» TASK REQUIREMENTS
Report back each line of the data that contains the word "edge".

Start of PROVIDED RECORDS

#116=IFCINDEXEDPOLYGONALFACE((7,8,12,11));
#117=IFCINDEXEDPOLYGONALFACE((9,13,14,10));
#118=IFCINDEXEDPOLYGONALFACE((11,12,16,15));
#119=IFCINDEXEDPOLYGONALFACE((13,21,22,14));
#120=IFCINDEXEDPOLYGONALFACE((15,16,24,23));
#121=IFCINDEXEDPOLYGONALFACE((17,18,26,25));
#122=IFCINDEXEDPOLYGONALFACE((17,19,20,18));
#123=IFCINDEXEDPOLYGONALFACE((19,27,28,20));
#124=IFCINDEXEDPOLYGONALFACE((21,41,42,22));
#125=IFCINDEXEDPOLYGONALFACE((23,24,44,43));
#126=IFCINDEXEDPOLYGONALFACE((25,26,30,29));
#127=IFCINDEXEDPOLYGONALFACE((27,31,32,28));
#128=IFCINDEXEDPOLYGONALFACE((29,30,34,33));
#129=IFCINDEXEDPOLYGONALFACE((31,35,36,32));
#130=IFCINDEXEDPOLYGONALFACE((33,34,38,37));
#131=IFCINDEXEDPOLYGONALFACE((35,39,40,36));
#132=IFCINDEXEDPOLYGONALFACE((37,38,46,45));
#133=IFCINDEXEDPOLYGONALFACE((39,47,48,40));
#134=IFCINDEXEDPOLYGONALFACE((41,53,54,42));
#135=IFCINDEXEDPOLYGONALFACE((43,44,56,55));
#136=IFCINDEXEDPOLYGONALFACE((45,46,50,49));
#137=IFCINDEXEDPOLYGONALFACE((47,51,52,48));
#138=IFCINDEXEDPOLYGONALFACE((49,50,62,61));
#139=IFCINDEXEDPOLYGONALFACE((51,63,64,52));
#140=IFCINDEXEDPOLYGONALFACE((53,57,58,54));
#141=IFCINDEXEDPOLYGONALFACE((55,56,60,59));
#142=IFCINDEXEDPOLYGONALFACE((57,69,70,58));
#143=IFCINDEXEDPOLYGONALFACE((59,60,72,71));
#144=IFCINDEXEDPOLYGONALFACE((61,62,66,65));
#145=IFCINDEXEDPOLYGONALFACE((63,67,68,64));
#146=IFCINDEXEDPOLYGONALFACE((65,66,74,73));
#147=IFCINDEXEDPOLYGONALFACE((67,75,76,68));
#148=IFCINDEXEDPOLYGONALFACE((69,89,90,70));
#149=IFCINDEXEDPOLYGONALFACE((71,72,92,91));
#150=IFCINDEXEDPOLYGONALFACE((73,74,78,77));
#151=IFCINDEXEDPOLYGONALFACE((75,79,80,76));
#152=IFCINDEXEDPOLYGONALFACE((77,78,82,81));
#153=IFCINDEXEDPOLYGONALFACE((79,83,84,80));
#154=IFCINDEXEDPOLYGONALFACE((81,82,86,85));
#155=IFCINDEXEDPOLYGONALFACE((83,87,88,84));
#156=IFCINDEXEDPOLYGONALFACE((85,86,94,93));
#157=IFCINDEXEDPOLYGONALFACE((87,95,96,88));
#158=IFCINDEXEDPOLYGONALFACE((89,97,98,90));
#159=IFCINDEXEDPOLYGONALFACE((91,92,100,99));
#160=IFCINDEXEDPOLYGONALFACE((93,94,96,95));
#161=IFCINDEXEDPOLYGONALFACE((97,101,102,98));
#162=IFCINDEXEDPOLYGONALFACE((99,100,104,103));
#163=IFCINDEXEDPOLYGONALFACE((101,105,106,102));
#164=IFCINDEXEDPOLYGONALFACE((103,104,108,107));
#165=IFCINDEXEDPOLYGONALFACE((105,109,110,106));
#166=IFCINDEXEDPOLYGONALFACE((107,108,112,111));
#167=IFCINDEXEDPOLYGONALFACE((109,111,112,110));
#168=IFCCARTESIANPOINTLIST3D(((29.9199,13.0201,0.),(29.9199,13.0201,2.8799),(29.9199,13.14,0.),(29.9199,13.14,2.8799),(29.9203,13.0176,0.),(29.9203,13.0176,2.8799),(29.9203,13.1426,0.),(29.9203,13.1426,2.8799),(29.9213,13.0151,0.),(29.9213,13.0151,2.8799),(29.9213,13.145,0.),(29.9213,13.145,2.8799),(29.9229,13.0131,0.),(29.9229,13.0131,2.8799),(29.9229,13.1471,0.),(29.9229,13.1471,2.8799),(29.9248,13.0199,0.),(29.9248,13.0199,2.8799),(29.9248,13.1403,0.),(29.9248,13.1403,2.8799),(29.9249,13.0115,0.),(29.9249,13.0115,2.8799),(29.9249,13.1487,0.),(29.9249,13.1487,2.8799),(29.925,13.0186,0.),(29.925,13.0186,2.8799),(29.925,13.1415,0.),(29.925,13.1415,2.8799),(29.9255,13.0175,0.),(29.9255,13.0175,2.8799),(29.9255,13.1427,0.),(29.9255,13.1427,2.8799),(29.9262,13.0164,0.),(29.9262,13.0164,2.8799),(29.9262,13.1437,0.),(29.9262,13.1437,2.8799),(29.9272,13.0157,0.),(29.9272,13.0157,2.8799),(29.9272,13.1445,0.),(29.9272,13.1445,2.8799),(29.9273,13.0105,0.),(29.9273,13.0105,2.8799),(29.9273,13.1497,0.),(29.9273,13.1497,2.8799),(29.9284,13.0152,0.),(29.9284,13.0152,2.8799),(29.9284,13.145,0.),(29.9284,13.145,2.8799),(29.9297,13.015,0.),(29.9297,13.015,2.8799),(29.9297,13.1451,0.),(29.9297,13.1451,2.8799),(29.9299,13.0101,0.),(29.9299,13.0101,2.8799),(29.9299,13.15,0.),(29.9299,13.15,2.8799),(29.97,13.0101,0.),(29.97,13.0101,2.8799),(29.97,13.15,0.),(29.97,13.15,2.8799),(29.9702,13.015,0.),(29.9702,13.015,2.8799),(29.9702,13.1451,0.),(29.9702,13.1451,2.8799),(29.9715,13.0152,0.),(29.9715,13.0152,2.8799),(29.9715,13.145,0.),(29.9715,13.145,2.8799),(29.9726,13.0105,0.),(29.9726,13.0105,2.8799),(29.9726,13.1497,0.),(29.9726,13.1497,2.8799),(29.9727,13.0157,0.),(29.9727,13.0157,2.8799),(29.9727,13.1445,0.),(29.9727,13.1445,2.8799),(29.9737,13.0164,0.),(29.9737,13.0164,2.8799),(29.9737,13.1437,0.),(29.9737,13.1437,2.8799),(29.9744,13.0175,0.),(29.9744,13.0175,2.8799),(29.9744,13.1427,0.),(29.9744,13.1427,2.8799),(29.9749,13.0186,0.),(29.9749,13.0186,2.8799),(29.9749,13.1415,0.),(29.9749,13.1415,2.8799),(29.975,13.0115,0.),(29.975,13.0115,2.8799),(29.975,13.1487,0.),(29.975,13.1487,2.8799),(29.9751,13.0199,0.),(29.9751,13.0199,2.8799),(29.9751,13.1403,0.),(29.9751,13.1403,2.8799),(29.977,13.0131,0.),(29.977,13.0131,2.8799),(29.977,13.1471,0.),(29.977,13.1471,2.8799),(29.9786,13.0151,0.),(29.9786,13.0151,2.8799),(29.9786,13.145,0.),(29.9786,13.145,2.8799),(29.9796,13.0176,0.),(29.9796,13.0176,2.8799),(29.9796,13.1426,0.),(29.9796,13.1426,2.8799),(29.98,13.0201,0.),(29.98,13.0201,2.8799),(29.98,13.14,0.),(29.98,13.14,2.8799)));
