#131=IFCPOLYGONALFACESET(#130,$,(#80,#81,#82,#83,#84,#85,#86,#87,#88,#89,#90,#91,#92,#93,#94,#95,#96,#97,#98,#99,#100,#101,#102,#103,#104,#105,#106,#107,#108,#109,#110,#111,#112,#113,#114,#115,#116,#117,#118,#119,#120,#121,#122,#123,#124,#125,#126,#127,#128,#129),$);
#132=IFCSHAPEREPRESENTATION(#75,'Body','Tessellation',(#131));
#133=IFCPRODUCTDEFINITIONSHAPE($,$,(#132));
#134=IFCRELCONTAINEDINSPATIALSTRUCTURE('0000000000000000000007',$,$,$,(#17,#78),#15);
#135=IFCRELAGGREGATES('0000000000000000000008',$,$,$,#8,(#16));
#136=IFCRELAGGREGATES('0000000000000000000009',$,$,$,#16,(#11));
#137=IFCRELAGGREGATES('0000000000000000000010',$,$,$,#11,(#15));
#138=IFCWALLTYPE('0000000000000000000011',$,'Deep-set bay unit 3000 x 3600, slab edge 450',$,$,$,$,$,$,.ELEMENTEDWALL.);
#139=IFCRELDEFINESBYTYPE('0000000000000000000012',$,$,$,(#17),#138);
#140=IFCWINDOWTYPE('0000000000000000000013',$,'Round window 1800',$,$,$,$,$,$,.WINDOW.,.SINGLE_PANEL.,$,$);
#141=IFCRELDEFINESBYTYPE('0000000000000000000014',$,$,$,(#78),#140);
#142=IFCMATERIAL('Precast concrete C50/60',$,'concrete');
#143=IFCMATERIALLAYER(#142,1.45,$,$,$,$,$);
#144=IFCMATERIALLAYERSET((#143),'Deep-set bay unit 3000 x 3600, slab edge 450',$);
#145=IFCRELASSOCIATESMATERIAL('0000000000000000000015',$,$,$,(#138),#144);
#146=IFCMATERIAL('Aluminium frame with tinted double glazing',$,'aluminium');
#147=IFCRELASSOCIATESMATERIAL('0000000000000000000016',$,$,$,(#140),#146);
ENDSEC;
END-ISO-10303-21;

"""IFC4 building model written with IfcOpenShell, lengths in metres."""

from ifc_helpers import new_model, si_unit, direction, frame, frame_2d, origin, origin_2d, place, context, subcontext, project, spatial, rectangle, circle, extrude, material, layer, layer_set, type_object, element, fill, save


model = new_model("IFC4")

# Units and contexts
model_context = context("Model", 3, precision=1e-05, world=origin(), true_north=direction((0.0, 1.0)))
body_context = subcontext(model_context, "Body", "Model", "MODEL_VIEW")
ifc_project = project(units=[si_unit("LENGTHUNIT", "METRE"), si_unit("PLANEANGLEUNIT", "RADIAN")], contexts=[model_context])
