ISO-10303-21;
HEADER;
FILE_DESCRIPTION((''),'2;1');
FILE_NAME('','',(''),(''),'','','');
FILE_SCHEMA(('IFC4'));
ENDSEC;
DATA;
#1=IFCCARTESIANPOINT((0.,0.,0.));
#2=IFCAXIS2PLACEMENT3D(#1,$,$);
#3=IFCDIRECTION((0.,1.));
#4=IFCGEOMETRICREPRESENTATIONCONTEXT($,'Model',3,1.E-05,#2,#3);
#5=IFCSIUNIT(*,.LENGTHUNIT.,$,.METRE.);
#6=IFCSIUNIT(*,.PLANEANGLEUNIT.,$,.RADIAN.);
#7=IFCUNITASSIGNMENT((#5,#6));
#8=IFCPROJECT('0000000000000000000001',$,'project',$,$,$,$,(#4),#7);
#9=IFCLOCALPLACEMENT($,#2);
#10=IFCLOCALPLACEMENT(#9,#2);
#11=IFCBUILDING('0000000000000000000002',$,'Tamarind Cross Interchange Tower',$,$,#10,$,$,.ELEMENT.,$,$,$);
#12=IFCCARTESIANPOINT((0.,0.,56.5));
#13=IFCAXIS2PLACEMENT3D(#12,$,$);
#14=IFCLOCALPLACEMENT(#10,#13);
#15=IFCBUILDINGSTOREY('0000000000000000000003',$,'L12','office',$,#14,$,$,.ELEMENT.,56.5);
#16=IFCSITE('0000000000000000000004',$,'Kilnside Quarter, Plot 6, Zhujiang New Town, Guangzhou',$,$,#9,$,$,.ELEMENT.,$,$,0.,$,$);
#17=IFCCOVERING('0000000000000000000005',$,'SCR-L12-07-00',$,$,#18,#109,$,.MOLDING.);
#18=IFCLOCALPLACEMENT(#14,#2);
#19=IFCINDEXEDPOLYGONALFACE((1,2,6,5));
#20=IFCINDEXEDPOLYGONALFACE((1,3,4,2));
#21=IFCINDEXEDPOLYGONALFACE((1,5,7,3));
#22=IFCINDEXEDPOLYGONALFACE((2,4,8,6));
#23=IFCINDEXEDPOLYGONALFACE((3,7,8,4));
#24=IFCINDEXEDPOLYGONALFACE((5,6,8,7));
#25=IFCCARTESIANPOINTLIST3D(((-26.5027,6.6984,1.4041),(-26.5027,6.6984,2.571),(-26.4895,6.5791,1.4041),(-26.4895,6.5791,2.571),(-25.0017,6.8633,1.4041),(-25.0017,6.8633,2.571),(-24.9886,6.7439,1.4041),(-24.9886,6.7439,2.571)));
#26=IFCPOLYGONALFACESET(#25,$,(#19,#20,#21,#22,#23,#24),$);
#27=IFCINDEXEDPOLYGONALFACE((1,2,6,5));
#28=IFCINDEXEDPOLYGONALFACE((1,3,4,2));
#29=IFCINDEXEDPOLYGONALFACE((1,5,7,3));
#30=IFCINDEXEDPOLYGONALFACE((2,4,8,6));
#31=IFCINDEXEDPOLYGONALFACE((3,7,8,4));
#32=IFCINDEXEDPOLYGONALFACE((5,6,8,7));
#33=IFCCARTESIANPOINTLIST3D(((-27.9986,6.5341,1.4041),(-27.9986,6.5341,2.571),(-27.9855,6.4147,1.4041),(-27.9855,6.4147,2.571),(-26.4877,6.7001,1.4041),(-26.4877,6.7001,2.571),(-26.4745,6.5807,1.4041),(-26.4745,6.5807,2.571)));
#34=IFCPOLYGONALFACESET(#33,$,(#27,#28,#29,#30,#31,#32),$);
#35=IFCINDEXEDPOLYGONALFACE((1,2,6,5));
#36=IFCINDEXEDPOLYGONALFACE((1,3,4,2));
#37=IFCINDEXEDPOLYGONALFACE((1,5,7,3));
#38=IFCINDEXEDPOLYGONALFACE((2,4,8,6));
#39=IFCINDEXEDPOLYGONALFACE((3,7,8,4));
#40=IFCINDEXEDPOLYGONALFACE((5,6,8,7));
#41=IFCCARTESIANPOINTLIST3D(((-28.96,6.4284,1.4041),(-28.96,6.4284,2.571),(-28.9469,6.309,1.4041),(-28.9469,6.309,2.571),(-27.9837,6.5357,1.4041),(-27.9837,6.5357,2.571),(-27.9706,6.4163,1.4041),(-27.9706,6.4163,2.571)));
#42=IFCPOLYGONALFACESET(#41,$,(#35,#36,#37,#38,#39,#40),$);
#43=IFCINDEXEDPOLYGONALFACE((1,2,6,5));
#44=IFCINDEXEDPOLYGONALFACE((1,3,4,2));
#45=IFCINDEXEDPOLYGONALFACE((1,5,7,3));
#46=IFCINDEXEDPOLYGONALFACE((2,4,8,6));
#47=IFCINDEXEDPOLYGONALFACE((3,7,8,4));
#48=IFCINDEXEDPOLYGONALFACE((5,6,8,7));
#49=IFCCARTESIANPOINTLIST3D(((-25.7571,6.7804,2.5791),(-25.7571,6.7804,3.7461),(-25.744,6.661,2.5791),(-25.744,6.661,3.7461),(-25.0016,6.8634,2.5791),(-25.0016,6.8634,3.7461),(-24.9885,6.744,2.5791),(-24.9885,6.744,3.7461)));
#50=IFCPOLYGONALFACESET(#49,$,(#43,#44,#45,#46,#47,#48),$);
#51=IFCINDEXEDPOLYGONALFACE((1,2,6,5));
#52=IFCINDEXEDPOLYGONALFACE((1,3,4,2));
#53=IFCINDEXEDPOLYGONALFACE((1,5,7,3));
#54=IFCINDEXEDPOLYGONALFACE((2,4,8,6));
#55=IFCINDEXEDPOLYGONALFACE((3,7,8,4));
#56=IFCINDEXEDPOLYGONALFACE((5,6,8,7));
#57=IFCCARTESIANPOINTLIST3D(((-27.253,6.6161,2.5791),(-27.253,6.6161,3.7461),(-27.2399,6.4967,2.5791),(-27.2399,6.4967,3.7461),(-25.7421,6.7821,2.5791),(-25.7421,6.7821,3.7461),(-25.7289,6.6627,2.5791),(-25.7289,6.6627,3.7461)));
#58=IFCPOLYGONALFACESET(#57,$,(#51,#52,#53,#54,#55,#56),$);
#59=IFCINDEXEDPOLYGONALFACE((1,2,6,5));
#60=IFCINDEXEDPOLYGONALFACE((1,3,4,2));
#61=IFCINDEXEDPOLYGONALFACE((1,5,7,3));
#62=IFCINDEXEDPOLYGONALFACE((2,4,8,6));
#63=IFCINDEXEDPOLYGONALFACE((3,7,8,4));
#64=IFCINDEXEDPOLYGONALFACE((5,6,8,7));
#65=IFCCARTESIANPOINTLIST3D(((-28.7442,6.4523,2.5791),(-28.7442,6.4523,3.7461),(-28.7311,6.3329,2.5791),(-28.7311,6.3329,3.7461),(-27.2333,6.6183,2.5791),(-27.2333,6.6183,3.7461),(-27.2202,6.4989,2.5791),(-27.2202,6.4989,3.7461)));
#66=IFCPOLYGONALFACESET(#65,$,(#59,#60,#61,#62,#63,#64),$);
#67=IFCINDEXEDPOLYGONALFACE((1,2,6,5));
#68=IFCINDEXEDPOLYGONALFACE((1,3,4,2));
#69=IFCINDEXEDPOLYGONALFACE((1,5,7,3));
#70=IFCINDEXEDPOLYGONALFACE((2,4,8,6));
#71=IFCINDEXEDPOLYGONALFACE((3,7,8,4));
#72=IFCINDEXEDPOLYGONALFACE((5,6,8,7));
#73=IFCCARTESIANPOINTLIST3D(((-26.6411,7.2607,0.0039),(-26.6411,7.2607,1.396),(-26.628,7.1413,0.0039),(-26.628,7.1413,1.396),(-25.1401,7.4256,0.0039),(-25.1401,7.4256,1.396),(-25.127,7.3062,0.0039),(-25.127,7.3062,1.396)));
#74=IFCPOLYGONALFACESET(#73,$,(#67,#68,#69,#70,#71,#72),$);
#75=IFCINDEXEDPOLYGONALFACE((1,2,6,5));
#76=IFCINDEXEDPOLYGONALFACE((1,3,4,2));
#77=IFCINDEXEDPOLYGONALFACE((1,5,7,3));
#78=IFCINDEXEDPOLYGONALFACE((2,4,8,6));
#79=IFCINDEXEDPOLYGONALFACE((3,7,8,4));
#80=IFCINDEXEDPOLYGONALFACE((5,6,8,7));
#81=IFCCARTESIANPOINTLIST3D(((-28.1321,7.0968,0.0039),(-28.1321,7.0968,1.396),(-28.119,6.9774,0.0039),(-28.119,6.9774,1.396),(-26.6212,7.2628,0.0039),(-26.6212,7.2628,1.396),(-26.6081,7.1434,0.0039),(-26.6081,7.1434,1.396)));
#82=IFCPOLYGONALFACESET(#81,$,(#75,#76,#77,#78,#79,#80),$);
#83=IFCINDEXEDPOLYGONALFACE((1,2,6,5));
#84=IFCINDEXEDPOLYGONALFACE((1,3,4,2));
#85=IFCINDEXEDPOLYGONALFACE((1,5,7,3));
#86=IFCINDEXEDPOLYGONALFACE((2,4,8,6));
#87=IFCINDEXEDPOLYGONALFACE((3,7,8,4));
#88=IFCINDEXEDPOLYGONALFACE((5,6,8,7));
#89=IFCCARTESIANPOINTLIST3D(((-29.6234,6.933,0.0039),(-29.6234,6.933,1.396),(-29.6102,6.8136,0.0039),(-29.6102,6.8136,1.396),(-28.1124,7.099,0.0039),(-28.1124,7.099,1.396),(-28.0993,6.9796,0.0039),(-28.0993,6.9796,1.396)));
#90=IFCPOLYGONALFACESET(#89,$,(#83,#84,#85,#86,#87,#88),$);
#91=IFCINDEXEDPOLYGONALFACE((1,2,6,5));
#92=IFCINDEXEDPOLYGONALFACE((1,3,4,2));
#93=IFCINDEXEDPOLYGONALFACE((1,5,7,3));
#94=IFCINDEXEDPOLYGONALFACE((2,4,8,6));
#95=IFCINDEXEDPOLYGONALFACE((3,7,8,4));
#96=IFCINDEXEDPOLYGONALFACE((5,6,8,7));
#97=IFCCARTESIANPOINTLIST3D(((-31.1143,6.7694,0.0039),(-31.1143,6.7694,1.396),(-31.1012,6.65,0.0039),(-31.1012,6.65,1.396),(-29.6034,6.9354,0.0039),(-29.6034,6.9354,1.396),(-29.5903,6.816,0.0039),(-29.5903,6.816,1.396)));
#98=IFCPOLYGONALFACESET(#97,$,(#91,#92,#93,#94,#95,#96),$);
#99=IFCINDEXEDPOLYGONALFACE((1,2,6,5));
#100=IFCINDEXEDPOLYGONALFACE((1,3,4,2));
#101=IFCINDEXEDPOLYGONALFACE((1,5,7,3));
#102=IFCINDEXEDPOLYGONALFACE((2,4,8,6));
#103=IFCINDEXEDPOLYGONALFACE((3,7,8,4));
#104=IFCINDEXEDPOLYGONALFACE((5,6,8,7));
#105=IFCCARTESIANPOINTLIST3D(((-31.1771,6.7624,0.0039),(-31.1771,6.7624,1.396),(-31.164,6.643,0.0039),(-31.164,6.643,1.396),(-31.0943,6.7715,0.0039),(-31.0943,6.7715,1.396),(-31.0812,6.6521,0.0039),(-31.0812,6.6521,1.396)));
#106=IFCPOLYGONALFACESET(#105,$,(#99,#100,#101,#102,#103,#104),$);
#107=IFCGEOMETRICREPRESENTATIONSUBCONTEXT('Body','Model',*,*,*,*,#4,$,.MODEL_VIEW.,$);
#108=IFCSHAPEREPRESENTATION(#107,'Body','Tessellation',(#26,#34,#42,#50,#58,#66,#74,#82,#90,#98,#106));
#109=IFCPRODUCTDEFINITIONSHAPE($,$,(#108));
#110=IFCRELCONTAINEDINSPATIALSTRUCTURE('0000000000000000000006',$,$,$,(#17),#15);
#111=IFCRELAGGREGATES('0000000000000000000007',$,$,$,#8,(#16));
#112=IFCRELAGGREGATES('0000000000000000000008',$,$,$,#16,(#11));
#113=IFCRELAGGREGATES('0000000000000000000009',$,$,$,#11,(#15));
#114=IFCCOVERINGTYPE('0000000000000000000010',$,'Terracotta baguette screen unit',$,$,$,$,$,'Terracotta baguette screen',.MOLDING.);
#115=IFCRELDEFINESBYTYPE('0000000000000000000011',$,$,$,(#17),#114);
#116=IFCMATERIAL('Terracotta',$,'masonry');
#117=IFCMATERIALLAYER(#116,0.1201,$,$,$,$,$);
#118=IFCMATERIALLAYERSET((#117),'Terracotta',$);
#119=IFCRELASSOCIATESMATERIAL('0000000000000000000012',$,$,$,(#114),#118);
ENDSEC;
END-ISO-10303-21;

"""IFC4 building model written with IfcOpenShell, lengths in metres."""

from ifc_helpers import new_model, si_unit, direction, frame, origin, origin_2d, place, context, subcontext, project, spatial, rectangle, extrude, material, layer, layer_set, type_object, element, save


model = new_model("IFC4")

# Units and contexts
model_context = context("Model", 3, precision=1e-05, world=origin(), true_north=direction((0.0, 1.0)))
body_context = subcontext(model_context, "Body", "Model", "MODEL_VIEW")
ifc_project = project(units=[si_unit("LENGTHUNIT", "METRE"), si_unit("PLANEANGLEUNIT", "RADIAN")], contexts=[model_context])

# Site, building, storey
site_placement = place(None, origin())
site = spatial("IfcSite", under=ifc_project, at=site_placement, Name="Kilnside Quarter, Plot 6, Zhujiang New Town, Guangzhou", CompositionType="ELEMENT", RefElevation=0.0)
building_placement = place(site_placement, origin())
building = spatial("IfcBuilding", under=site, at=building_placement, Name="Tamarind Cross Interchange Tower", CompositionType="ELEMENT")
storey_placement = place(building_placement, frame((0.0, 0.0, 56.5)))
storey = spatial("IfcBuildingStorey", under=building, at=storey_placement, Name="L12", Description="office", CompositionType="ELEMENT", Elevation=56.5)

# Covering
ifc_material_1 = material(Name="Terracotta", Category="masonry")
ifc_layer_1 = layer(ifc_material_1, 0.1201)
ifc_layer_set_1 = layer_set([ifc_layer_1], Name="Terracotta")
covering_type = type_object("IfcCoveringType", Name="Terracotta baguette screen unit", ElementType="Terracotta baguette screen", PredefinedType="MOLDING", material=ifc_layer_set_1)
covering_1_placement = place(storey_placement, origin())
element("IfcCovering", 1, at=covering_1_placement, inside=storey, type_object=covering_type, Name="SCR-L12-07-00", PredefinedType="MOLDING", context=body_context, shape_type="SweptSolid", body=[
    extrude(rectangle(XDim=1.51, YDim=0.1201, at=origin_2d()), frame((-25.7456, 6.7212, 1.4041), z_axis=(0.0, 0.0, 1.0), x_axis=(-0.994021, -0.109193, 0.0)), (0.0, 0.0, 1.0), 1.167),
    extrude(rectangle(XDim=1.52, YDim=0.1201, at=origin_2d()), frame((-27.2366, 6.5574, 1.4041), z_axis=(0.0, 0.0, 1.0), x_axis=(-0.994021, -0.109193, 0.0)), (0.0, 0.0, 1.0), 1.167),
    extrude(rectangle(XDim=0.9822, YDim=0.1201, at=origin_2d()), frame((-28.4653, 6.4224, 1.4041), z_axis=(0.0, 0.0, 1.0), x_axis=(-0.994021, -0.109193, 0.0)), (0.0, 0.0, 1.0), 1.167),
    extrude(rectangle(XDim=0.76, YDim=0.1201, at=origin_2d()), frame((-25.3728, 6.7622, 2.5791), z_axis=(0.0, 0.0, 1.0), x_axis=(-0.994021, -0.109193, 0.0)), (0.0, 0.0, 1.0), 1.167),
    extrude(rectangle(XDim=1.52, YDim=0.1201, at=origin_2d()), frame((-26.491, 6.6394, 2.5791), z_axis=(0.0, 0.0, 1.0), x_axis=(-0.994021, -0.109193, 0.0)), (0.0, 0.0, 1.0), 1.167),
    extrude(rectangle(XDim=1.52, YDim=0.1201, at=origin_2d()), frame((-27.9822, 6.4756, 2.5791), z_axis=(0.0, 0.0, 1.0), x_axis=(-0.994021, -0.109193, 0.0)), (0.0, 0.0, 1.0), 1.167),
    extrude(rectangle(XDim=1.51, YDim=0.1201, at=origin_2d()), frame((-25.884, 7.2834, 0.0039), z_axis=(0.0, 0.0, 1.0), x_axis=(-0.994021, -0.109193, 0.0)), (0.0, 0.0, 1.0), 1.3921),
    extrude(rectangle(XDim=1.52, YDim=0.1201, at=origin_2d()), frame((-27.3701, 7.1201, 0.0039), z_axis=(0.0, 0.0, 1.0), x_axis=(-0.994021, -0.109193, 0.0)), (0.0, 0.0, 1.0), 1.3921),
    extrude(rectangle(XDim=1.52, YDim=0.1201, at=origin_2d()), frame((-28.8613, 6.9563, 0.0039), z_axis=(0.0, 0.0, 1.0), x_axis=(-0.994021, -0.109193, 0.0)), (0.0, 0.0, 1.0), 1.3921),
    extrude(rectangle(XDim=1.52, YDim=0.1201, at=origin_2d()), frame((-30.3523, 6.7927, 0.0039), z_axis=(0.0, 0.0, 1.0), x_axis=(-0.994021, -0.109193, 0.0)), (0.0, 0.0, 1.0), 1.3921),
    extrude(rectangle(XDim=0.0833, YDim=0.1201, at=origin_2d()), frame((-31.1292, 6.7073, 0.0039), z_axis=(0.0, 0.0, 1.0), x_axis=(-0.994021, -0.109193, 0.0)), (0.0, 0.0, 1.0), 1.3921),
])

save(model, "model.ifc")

End of PROVIDED RECORDS

» RESPONSE
#138=IFCWALLTYPE('0000000000000000000011',$,'Deep-set bay unit 3000 x 3600, slab edge 450',$,$,$,$,$,$,.ELEMENTEDWALL.);
#144=IFCMATERIALLAYERSET((#143),'Deep-set bay unit 3000 x 3600, slab edge 450',$);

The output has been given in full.